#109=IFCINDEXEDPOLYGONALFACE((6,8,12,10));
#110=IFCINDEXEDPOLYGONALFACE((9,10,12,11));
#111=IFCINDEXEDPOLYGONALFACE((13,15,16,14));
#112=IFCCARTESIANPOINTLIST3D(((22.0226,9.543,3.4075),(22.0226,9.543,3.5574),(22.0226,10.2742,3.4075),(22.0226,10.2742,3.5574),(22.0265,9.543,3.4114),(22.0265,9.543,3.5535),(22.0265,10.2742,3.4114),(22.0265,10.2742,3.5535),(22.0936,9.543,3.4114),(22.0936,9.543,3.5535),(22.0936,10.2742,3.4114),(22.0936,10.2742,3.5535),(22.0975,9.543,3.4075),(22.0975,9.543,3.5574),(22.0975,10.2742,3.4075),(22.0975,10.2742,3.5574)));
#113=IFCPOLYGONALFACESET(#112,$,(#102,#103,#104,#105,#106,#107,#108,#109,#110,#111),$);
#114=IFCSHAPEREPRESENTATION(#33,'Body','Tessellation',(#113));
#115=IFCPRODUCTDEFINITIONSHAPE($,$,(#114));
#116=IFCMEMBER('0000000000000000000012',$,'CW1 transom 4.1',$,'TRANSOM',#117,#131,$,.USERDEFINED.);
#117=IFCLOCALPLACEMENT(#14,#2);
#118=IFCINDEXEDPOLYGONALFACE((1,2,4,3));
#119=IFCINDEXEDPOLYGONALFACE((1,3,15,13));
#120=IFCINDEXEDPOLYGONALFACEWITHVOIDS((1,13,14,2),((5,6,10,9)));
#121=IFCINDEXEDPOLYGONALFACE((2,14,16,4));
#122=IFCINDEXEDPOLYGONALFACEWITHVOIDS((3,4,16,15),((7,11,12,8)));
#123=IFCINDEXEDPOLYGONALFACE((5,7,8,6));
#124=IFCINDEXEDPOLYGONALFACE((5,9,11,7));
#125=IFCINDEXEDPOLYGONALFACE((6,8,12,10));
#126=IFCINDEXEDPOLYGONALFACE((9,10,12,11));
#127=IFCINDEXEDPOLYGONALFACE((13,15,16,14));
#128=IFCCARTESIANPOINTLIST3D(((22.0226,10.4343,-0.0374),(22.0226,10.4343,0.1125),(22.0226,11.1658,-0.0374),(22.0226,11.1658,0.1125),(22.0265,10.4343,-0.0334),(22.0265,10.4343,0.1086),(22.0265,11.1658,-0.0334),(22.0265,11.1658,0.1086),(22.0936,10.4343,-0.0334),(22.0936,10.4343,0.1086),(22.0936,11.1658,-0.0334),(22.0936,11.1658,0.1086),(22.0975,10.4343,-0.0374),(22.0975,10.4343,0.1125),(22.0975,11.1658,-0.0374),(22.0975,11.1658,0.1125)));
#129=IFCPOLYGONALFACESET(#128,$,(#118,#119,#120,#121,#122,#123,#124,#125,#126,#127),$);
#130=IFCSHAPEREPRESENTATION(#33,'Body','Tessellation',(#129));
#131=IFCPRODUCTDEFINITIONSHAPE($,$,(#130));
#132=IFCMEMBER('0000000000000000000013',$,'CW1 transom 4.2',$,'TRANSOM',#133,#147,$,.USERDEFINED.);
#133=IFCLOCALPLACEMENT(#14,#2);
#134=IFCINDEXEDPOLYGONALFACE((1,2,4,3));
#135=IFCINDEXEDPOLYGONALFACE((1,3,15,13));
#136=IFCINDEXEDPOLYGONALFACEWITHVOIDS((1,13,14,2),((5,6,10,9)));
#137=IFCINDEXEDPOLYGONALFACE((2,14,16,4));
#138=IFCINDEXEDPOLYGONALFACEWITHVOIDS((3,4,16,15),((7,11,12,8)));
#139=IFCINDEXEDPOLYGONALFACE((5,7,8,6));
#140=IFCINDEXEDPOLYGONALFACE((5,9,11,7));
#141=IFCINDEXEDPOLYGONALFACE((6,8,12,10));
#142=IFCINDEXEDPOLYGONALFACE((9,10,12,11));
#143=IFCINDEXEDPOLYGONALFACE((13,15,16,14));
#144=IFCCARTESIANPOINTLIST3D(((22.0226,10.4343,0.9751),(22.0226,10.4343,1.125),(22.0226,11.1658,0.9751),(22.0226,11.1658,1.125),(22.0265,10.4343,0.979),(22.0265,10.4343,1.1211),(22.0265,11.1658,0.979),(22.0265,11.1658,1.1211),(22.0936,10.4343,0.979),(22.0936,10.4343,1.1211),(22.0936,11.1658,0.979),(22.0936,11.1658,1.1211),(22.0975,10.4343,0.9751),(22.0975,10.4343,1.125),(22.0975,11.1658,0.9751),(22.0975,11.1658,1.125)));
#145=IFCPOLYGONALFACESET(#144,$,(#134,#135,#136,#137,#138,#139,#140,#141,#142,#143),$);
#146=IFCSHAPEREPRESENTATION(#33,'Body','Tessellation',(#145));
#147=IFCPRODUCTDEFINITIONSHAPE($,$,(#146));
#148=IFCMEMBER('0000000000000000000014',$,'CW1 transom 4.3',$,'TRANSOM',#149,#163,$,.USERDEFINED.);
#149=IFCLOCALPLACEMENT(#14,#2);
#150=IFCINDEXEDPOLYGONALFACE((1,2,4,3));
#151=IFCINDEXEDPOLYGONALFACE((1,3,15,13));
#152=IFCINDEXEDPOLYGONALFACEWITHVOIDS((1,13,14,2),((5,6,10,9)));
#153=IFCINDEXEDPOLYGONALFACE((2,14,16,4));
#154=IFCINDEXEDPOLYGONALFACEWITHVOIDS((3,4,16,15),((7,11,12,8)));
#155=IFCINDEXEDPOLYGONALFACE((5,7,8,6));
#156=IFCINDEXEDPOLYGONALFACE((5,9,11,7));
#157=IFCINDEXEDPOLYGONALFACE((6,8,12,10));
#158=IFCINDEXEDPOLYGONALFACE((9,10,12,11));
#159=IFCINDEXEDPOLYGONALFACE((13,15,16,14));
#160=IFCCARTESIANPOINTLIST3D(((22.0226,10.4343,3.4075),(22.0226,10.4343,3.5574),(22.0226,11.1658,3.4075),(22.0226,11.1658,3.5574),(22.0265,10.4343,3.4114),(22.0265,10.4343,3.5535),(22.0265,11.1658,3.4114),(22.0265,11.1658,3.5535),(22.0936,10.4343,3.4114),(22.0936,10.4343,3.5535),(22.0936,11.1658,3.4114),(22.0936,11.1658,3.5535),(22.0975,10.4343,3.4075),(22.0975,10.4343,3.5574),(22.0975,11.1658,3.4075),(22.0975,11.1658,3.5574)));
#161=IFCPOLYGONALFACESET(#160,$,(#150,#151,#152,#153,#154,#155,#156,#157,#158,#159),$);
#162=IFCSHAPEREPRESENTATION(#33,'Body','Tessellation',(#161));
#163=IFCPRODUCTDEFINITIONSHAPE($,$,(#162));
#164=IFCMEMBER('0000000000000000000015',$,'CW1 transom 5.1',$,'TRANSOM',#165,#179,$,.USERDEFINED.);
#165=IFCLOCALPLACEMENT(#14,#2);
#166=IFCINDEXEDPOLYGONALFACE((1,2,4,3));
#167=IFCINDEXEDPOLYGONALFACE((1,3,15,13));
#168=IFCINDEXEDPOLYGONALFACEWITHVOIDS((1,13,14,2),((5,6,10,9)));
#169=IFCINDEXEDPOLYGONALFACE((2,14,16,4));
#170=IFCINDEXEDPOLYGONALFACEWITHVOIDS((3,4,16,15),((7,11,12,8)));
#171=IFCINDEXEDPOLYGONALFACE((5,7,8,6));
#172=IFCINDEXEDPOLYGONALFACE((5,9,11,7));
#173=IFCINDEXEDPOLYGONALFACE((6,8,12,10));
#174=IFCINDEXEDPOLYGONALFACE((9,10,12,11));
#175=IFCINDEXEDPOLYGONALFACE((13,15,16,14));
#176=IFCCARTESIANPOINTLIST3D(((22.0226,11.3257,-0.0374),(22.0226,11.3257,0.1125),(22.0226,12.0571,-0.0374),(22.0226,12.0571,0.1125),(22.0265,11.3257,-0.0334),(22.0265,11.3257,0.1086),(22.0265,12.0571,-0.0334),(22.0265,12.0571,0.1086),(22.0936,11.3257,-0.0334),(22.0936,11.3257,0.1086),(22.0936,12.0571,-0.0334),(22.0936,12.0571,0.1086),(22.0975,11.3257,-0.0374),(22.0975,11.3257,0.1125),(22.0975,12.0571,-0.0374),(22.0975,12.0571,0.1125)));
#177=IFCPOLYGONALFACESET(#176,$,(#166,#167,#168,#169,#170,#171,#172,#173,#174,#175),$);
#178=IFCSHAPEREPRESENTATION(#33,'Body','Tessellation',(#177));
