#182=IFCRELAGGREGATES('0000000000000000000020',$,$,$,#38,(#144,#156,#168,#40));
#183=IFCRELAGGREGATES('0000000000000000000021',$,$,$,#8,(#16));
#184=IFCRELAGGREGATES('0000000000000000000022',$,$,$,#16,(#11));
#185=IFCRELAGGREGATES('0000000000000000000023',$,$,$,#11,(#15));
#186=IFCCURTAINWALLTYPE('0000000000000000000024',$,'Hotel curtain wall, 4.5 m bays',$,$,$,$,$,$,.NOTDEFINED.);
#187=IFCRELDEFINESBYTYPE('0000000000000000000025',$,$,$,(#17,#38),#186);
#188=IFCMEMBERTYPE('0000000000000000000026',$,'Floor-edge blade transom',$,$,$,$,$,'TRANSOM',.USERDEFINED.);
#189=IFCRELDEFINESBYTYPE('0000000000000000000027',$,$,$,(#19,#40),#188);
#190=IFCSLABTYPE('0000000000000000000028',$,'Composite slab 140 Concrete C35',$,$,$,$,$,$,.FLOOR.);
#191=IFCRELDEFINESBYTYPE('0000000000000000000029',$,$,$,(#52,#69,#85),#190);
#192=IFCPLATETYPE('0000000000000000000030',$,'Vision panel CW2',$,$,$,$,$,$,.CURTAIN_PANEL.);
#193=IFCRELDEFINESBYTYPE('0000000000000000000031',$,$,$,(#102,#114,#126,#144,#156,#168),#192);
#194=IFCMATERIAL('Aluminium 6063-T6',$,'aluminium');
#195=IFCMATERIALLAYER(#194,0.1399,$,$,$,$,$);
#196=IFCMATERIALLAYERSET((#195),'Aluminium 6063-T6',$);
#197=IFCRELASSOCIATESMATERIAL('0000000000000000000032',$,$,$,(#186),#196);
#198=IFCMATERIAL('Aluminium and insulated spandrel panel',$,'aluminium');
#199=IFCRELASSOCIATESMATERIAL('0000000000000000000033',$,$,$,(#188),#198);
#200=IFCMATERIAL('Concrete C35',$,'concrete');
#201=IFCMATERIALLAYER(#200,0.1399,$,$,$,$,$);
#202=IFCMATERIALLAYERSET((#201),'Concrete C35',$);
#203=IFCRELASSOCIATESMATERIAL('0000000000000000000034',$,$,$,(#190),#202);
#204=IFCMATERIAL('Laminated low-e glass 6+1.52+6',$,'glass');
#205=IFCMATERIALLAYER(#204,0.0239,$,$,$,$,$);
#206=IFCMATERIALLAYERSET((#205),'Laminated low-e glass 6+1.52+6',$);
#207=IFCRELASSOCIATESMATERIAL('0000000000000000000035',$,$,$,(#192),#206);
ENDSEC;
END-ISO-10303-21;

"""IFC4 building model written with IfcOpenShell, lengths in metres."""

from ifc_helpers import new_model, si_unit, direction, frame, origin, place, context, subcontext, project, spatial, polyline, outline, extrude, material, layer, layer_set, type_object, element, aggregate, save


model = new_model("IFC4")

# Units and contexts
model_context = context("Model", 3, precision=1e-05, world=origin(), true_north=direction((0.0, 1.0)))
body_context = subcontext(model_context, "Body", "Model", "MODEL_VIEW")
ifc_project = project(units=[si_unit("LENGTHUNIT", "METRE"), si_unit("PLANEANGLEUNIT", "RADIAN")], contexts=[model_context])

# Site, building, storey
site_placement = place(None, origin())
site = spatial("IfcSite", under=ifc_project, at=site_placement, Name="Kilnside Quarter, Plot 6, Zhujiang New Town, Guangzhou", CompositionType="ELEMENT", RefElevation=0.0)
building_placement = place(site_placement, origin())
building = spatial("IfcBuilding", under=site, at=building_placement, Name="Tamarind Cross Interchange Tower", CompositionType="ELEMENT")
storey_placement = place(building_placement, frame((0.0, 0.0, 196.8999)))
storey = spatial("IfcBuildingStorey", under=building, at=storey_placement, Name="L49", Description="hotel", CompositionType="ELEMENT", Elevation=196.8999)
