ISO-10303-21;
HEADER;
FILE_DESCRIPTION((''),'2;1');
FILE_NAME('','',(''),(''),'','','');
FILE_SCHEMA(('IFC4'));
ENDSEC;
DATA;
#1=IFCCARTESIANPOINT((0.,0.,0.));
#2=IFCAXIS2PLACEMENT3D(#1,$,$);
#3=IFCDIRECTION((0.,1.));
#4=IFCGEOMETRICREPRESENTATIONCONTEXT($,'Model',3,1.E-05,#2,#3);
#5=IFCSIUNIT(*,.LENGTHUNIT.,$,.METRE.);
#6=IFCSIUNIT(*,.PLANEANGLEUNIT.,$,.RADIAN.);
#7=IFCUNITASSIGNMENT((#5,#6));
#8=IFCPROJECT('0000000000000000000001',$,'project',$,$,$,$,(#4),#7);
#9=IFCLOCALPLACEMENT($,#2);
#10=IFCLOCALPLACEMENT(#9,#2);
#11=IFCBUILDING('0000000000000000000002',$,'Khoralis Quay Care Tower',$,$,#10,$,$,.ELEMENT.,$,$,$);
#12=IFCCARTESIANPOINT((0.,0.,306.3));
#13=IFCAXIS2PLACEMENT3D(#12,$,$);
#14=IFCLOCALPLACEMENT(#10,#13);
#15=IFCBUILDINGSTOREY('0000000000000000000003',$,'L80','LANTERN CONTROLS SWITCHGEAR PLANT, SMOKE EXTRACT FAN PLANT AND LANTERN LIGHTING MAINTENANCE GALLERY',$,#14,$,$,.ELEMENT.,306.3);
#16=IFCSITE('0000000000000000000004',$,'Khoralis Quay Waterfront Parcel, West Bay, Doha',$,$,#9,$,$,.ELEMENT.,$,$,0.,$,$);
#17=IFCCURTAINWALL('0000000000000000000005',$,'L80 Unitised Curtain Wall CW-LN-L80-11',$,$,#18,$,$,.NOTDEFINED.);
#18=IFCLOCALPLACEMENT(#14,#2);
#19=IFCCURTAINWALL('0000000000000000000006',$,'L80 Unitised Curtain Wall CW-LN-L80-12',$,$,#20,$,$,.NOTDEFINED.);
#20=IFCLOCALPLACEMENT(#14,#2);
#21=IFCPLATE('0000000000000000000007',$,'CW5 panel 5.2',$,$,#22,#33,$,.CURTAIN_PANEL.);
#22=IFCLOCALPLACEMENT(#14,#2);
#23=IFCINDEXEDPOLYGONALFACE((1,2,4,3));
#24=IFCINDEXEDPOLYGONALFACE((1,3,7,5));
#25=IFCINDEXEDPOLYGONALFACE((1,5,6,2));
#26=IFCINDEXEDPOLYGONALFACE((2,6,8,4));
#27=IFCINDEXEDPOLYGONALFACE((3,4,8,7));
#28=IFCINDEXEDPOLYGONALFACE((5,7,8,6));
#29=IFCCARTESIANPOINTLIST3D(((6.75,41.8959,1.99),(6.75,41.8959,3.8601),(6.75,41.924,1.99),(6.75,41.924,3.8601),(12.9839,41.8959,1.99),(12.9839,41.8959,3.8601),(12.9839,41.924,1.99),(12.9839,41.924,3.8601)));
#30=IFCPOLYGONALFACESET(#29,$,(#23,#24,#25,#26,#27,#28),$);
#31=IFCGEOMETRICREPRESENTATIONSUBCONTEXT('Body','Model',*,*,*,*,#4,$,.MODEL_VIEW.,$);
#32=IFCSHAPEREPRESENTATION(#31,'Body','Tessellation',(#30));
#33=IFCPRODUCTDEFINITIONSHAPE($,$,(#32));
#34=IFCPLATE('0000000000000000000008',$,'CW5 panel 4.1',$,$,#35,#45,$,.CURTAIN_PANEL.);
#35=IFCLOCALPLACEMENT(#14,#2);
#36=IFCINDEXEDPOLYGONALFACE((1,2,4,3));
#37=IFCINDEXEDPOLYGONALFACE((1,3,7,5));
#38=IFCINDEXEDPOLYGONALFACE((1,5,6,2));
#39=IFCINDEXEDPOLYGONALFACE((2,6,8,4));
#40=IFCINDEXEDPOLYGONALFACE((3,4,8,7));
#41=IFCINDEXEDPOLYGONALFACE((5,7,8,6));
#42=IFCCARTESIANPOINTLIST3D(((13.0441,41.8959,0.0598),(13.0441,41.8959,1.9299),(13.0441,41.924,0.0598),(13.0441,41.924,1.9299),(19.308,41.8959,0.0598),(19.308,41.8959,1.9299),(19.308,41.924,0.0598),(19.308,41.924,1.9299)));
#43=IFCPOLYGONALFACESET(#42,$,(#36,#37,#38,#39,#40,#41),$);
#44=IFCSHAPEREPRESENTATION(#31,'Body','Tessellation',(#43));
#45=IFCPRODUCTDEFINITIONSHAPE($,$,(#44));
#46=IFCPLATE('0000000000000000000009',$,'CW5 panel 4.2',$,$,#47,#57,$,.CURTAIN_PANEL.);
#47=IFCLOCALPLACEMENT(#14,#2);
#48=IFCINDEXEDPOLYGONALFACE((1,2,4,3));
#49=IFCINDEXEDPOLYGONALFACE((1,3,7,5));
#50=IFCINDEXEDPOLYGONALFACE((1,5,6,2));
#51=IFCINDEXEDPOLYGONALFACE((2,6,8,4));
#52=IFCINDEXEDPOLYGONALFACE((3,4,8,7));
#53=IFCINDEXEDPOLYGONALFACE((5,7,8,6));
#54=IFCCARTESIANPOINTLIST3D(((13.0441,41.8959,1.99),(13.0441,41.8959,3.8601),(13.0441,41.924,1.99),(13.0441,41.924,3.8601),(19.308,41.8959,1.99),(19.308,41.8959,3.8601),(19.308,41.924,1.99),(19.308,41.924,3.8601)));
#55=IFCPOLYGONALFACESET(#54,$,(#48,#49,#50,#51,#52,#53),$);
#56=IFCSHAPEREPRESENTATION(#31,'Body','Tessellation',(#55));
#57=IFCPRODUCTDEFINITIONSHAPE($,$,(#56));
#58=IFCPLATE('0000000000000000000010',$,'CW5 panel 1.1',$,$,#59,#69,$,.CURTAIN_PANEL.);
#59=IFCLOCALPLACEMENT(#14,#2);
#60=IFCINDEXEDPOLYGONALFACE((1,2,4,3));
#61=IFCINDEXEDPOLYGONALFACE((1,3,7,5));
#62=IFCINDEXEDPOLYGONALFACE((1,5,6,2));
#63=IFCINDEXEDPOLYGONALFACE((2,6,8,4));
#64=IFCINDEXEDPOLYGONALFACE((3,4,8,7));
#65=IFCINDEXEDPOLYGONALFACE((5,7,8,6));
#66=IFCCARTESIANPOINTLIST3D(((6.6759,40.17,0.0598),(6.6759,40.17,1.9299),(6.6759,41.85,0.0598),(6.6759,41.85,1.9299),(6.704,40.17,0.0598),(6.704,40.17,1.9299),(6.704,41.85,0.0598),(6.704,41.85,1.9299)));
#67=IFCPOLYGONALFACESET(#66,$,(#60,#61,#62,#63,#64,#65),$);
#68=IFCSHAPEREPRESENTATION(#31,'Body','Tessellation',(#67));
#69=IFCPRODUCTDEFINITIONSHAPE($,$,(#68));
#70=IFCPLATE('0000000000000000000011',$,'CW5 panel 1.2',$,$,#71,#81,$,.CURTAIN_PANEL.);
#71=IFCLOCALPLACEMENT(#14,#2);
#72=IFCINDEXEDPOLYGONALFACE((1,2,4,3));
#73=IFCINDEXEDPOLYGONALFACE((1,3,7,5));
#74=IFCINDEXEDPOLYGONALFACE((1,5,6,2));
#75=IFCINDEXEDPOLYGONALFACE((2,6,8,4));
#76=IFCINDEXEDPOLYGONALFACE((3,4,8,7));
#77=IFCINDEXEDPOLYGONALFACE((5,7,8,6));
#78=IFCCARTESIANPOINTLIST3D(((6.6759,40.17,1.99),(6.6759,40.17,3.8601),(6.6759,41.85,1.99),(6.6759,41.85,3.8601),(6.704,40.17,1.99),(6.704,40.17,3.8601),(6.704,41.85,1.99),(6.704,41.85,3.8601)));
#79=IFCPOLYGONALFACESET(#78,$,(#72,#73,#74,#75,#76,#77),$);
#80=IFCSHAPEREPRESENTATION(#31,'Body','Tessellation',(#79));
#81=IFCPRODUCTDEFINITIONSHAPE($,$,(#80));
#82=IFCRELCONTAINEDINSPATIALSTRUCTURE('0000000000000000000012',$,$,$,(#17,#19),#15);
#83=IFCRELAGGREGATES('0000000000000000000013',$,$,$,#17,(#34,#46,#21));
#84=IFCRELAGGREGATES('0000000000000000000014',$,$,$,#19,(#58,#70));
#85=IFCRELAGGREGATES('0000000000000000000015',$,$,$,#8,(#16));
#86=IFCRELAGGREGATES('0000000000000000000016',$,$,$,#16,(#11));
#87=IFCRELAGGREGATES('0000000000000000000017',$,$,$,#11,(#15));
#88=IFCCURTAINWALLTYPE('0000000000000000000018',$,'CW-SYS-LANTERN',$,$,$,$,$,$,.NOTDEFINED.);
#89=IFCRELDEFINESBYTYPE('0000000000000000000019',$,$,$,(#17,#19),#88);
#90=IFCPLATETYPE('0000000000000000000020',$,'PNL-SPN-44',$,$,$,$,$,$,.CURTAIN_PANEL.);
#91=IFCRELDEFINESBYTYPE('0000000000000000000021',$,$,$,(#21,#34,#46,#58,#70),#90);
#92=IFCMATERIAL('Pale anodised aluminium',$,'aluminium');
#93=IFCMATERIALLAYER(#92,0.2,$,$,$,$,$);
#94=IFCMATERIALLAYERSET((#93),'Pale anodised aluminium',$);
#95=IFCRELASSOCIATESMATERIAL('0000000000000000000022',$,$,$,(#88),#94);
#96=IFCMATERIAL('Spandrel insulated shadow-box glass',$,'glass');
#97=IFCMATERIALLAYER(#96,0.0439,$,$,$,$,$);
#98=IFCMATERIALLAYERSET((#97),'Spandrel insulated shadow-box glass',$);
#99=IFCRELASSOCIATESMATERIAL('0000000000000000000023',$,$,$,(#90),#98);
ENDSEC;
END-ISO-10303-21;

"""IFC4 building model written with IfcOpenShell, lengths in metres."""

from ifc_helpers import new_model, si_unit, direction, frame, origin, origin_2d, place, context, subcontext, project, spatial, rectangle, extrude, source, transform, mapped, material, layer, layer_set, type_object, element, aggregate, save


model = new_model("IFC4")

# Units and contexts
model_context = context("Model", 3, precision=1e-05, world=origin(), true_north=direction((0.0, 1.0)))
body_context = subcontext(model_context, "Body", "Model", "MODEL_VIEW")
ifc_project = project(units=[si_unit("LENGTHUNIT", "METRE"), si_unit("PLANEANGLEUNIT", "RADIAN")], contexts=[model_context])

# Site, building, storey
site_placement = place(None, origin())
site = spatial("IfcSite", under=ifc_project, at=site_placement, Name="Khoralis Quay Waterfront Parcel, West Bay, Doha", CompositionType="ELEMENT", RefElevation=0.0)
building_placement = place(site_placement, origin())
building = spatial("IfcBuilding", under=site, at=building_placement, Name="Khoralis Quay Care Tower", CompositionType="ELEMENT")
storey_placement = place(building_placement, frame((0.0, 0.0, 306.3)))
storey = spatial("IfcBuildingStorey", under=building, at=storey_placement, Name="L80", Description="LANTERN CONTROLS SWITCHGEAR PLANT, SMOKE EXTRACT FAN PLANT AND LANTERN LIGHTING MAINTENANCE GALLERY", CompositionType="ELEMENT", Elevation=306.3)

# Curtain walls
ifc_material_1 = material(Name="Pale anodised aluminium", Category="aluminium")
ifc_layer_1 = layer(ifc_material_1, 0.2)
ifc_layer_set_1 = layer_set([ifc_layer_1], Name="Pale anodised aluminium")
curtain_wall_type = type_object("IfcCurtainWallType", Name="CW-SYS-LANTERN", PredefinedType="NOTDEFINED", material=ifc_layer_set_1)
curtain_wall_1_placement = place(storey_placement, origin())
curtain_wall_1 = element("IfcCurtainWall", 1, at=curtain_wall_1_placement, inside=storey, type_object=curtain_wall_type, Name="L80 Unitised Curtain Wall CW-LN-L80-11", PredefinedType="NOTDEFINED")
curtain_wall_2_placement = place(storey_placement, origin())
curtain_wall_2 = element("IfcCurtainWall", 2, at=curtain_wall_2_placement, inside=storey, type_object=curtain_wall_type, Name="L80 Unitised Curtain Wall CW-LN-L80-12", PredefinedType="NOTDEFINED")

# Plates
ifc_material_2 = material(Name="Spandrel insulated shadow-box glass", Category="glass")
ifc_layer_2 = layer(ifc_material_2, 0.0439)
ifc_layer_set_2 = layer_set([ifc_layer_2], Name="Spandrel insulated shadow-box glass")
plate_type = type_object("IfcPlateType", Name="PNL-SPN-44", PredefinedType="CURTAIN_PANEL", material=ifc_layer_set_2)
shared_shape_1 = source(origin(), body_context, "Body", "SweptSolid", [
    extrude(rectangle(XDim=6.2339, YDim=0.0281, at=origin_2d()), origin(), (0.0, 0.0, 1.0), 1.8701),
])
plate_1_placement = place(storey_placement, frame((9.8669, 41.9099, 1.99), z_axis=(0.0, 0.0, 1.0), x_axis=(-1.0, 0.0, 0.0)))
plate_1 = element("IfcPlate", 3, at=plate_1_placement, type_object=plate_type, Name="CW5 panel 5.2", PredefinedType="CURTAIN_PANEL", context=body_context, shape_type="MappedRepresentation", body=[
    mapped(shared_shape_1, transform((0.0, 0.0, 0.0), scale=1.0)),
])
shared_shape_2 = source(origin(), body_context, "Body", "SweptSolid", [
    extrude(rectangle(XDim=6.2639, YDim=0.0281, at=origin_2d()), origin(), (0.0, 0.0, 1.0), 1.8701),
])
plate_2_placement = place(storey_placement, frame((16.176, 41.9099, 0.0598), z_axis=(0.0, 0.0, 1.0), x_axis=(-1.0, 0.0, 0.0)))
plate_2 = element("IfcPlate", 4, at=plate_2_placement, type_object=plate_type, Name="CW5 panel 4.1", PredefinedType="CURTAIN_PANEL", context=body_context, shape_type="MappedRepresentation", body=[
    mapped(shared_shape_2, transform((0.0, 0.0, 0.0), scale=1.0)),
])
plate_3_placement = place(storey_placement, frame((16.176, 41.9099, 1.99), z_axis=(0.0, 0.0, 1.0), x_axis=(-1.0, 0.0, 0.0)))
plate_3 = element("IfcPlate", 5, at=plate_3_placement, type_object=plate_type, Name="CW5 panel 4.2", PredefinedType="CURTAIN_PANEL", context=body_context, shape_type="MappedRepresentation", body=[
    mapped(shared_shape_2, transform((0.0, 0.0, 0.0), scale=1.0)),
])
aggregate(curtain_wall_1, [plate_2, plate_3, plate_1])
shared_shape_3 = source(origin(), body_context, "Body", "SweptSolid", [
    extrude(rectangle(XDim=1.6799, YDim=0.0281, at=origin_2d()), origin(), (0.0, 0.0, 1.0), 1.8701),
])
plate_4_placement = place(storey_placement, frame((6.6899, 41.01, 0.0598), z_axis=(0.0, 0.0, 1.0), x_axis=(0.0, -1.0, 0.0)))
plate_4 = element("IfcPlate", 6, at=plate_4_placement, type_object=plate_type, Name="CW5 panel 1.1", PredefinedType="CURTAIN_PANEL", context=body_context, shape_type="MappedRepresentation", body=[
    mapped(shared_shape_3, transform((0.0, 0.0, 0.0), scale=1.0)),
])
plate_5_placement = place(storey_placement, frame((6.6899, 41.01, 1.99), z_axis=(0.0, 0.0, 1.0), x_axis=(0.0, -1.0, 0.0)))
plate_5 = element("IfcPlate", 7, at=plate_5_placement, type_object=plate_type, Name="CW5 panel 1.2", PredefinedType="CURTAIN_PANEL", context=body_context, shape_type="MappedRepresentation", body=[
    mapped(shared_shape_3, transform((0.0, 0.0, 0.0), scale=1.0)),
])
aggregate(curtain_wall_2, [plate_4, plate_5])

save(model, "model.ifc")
========================================================================
> **EXERCISE PROMPT**: Return, from the material above, each line holding the string "IFCRELDEFINESBYTYPE".

> **RESPONSE AREA**:
#187=IFCRELDEFINESBYTYPE('0000000000000000000025',$,$,$,(#17,#38),#186);
#189=IFCRELDEFINESBYTYPE('0000000000000000000027',$,$,$,(#19,#40),#188);
#191=IFCRELDEFINESBYTYPE('0000000000000000000029',$,$,$,(#52,#69,#85),#190);
#193=IFCRELDEFINESBYTYPE('0000000000000000000031',$,$,$,(#102,#114,#126,#144,#156,#168),#192);
#89=IFCRELDEFINESBYTYPE('0000000000000000000019',$,$,$,(#17,#19),#88);
#91=IFCRELDEFINESBYTYPE('0000000000000000000021',$,$,$,(#21,#34,#46,#58,#70),#90);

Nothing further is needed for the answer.